Assignment: Among the lines below, count those containing the word "IFCRELASSOCIATESMATERIAL". Give the number only.

(Stored data entries)
----------
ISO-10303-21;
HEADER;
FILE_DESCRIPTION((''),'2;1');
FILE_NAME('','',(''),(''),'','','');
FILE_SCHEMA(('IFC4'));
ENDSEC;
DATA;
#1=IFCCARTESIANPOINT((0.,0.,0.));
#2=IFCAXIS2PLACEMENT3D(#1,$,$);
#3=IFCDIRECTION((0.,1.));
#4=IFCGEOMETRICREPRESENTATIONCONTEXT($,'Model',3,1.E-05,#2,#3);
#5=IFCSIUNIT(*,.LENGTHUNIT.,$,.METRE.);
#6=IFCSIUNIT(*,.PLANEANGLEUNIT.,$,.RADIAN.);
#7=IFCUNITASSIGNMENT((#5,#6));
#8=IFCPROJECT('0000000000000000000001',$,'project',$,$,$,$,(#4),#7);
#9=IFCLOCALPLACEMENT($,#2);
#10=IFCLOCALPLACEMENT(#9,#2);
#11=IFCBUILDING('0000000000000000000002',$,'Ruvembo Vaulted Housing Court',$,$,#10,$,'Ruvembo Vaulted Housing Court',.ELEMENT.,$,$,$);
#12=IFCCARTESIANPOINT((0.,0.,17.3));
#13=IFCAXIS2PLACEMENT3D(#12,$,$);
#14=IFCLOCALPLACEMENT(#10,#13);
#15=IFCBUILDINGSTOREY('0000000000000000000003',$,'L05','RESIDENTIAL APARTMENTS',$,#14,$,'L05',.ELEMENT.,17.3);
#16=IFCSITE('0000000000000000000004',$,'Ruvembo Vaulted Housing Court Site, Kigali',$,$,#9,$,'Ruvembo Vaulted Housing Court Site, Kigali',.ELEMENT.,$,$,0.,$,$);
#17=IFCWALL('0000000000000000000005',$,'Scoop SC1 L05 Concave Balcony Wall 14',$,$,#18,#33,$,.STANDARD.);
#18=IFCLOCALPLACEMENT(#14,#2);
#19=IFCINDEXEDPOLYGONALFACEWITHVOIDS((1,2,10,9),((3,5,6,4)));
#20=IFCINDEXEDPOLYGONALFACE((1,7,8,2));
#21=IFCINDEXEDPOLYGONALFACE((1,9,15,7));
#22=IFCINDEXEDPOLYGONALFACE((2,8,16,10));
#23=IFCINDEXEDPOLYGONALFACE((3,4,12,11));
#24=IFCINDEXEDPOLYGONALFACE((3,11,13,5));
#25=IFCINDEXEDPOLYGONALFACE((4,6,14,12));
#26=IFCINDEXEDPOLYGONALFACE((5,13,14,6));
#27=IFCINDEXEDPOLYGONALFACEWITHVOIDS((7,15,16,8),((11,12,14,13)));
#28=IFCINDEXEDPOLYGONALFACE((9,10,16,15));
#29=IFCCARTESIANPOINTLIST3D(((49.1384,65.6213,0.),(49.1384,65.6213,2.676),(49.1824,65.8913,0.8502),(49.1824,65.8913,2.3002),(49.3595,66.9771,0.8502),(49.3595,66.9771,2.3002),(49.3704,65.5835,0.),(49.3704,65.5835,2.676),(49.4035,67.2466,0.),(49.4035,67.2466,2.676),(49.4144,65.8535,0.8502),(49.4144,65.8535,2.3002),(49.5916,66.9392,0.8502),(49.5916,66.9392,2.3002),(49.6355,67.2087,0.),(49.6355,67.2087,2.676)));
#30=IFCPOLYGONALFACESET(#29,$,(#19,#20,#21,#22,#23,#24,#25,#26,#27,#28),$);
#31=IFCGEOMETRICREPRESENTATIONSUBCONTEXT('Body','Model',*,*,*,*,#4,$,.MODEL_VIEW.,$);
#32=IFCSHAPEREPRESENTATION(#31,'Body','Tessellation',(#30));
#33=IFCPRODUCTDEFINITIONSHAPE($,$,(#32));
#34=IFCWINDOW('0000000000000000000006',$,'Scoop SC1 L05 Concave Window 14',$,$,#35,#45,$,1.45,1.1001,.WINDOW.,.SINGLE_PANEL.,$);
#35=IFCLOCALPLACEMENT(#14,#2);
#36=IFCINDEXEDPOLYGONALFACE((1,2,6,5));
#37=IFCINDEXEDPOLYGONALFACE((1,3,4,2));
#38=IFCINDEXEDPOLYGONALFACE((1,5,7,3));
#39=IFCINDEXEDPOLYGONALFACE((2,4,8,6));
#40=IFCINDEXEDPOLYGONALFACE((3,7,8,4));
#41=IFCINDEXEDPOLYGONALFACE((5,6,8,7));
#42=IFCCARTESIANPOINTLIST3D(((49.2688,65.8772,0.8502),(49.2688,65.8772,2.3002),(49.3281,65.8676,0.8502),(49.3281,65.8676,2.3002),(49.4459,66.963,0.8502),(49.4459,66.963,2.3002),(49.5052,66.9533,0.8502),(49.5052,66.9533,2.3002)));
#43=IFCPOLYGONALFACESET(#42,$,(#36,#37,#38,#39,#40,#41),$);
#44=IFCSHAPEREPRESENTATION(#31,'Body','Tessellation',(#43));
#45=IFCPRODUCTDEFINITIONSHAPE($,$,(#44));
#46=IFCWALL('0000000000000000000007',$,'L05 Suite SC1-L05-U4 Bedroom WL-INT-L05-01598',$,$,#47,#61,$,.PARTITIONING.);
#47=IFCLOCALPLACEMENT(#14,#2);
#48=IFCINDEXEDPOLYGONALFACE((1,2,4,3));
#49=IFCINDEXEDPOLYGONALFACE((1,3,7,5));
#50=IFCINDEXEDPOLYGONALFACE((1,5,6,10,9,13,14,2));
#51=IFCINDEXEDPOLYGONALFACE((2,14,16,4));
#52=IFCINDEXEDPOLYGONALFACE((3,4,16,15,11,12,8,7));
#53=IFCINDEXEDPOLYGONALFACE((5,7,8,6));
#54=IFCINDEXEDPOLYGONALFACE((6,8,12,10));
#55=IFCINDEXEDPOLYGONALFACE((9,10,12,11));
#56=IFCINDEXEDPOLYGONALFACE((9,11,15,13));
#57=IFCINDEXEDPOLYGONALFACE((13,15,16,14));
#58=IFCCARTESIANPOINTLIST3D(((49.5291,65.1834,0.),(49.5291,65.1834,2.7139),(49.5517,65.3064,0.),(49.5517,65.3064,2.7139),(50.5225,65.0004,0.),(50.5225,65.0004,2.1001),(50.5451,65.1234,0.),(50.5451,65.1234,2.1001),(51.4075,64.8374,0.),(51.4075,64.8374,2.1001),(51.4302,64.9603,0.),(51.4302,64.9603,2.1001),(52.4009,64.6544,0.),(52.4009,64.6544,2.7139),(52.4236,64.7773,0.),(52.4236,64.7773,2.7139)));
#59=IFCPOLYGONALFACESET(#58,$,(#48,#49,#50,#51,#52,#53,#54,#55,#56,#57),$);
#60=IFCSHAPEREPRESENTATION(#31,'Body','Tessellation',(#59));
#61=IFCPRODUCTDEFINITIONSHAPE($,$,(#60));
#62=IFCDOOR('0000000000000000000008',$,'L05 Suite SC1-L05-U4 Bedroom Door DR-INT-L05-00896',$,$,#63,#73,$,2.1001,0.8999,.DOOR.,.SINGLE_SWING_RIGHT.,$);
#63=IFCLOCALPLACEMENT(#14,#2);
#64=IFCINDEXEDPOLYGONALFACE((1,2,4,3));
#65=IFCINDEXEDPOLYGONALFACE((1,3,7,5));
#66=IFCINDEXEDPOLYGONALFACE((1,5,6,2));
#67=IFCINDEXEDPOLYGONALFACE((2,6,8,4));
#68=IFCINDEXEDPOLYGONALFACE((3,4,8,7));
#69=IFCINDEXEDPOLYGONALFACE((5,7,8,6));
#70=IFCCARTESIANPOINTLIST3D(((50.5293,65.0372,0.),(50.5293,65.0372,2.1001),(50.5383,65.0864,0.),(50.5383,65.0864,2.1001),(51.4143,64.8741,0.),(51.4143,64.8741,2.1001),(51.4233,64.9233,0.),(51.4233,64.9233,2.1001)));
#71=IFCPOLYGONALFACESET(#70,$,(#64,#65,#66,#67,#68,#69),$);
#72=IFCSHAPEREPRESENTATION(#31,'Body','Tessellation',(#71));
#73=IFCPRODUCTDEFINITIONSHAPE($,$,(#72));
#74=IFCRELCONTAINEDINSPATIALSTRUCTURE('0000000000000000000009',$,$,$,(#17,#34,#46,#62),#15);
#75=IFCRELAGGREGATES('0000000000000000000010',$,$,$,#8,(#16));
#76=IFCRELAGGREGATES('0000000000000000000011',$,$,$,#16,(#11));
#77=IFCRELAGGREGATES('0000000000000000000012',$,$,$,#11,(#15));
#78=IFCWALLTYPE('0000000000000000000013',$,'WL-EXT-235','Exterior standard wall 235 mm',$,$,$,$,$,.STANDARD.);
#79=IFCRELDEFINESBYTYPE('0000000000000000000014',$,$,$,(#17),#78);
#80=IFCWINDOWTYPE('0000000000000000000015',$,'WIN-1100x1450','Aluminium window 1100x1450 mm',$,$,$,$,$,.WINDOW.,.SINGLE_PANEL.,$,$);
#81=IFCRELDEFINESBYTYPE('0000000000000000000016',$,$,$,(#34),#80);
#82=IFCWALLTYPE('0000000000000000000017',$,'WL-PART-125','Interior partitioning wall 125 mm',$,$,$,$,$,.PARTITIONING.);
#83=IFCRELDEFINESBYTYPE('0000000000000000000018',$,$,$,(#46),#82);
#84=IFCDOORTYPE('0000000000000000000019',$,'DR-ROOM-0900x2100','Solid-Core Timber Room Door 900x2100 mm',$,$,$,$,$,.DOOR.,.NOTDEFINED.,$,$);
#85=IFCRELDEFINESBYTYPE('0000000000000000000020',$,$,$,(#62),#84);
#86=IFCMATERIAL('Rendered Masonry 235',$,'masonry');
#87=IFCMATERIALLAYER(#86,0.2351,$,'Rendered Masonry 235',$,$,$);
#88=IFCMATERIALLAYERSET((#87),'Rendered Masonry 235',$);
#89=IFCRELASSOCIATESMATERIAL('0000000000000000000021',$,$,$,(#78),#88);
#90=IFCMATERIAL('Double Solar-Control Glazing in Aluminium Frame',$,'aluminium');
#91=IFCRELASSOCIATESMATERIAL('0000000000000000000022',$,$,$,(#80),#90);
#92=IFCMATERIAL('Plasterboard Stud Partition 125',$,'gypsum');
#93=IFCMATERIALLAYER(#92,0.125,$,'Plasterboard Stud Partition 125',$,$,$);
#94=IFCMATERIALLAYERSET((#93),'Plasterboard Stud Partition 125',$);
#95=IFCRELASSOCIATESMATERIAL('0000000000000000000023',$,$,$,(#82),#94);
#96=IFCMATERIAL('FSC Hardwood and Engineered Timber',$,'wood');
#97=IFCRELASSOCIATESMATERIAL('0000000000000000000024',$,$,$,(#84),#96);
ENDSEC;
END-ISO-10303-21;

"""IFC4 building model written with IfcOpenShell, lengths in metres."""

from ifc_helpers import new_model, si_unit, direction, frame, frame_2d, origin, place, context, subcontext, project, spatial, rectangle, extrude, material, layer, layer_set, type_object, element, fill, save


model = new_model("IFC4")

# Units and contexts
model_context = context("Model", 3, precision=1e-05, world=origin(), true_north=direction((0.0, 1.0)))
body_context = subcontext(model_context, "Body", "Model", "MODEL_VIEW")
ifc_project = project(units=[si_unit("LENGTHUNIT", "METRE"), si_unit("PLANEANGLEUNIT", "RADIAN")], contexts=[model_context])

# Site, building, storey
site_placement = place(None, origin())
site = spatial("IfcSite", under=ifc_project, at=site_placement, Name="Ruvembo Vaulted Housing Court Site, Kigali", LongName="Ruvembo Vaulted Housing Court Site, Kigali", CompositionType="ELEMENT", RefElevation=0.0)
building_placement = place(site_placement, origin())
building = spatial("IfcBuilding", under=site, at=building_placement, Name="Ruvembo Vaulted Housing Court", LongName="Ruvembo Vaulted Housing Court", CompositionType="ELEMENT")
storey_placement = place(building_placement, frame((0.0, 0.0, 17.3)))
storey = spatial("IfcBuildingStorey", under=building, at=storey_placement, Name="L05", Description="RESIDENTIAL APARTMENTS", LongName="L05", CompositionType="ELEMENT", Elevation=17.3)

# Wall, opening, window
ifc_material_1 = material(Name="Rendered Masonry 235", Category="masonry")
ifc_layer_1 = layer(ifc_material_1, 0.2351, Name="Rendered Masonry 235")
ifc_layer_set_1 = layer_set([ifc_layer_1], Name="Rendered Masonry 235")
wall_type_1 = type_object("IfcWallType", Name="WL-EXT-235", Description="Exterior standard wall 235 mm", PredefinedType="STANDARD", material=ifc_layer_set_1)
ifc_material_2 = material(Name="Double Solar-Control Glazing in Aluminium Frame", Category="aluminium")
wall_1_placement = place(storey_placement, frame((49.2544, 65.6025, 0.0), z_axis=(0.0, 0.0, 1.0), x_axis=(0.161008, 0.986953, 0.0)))
wall_1 = element("IfcWall", 1, at=wall_1_placement, inside=storey, type_object=wall_type_1, Name="Scoop SC1 L05 Concave Balcony Wall 14", PredefinedType="STANDARD", context=body_context, shape_type="SweptSolid", body=[
    extrude(rectangle(XDim=1.6467, YDim=0.2351, at=frame_2d((0.8232, 0.0))), origin(), (0.0, 0.0, 1.0), 2.676),
])
opening_1_placement = place(wall_1_placement, frame((0.2734, 0.0, 0.8501)))
opening_1 = element("IfcOpeningElement", 2, at=opening_1_placement, cuts=wall_1, PredefinedType="OPENING", context=body_context, shape_type="SweptSolid", body=[
    extrude(rectangle(XDim=1.1001, YDim=1.45, at=frame_2d((0.55, 0.7251))), frame((0.0, 0.1274, 0.0), z_axis=(0.0, -1.0, 0.0), x_axis=(1.0, 0.0, 0.0)), (0.0, 0.0, 1.0), 0.2551),
])
window_type_1 = type_object("IfcWindowType", Name="WIN-1100x1450", Description="Aluminium window 1100x1450 mm", PartitioningType="SINGLE_PANEL", PredefinedType="WINDOW", material=ifc_material_2)
window_1_placement = place(opening_1_placement, origin())
window_1 = element("IfcWindow", 3, at=window_1_placement, inside=storey, type_object=window_type_1, Name="Scoop SC1 L05 Concave Window 14", OverallHeight=1.45, OverallWidth=1.1001, PartitioningType="SINGLE_PANEL", PredefinedType="WINDOW", context=body_context, shape_type="SweptSolid", body=[
    extrude(rectangle(XDim=1.1001, YDim=1.45, at=frame_2d((0.55, 0.7251))), frame((0.0, 0.03, 0.0), z_axis=(0.0, -1.0, 0.0), x_axis=(1.0, 0.0, 0.0)), (0.0, 0.0, 1.0), 0.0601),
])
fill(opening_1, window_1)

# Wall, opening, door
ifc_material_3 = material(Name="Plasterboard Stud Partition 125", Category="gypsum")
ifc_layer_2 = layer(ifc_material_3, 0.125, Name="Plasterboard Stud Partition 125")
ifc_layer_set_2 = layer_set([ifc_layer_2], Name="Plasterboard Stud Partition 125")
wall_type_2 = type_object("IfcWallType", Name="WL-PART-125", Description="Interior partitioning wall 125 mm", PredefinedType="PARTITIONING", material=ifc_layer_set_2)
wall_2_placement = place(storey_placement, frame((49.5405, 65.2449, 0.0), z_axis=(0.0, 0.0, 1.0), x_axis=(0.983451, -0.181173, 0.0)))
wall_2 = element("IfcWall", 4, at=wall_2_placement, inside=storey, type_object=wall_type_2, Name="L05 Suite SC1-L05-U4 Bedroom WL-INT-L05-01598", PredefinedType="PARTITIONING", context=body_context, shape_type="SweptSolid", body=[
    extrude(rectangle(XDim=2.9202, YDim=0.125, at=frame_2d((1.46, 0.0))), origin(), (0.0, 0.0, 1.0), 2.7139),
])
opening_2_placement = place(wall_2_placement, frame((1.01, 0.0, 0.0)))
opening_2 = element("IfcOpeningElement", 5, at=opening_2_placement, cuts=wall_2, PredefinedType="OPENING", context=body_context, shape_type="SweptSolid", body=[
    extrude(rectangle(XDim=0.8999, YDim=2.1001, at=frame_2d((0.45, 1.05))), frame((0.0, 0.0725, 0.0), z_axis=(0.0, -1.0, 0.0), x_axis=(1.0, 0.0, 0.0)), (0.0, 0.0, 1.0), 0.145),
])
ifc_material_4 = material(Name="FSC Hardwood and Engineered Timber", Category="wood")
door_type = type_object("IfcDoorType", Name="DR-ROOM-0900x2100", Description="Solid-Core Timber Room Door 900x2100 mm", OperationType="NOTDEFINED", PredefinedType="DOOR", material=ifc_material_4)
door_placement = place(opening_2_placement, origin())
door = element("IfcDoor", 6, at=door_placement, inside=storey, type_object=door_type, Name="L05 Suite SC1-L05-U4 Bedroom Door DR-INT-L05-00896", OperationType="SINGLE_SWING_RIGHT", OverallHeight=2.1001, OverallWidth=0.8999, PredefinedType="DOOR", context=body_context, shape_type="SweptSolid", body=[
    extrude(rectangle(XDim=0.8999, YDim=2.1001, at=frame_2d((0.45, 1.05))), frame((0.0, 0.0249, 0.0), z_axis=(0.0, -1.0, 0.0), x_axis=(1.0, 0.0, 0.0)), (0.0, 0.0, 1.0), 0.05),
])
fill(opening_2, door)

save(model, "model.ifc")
----------
Completed exercise: 4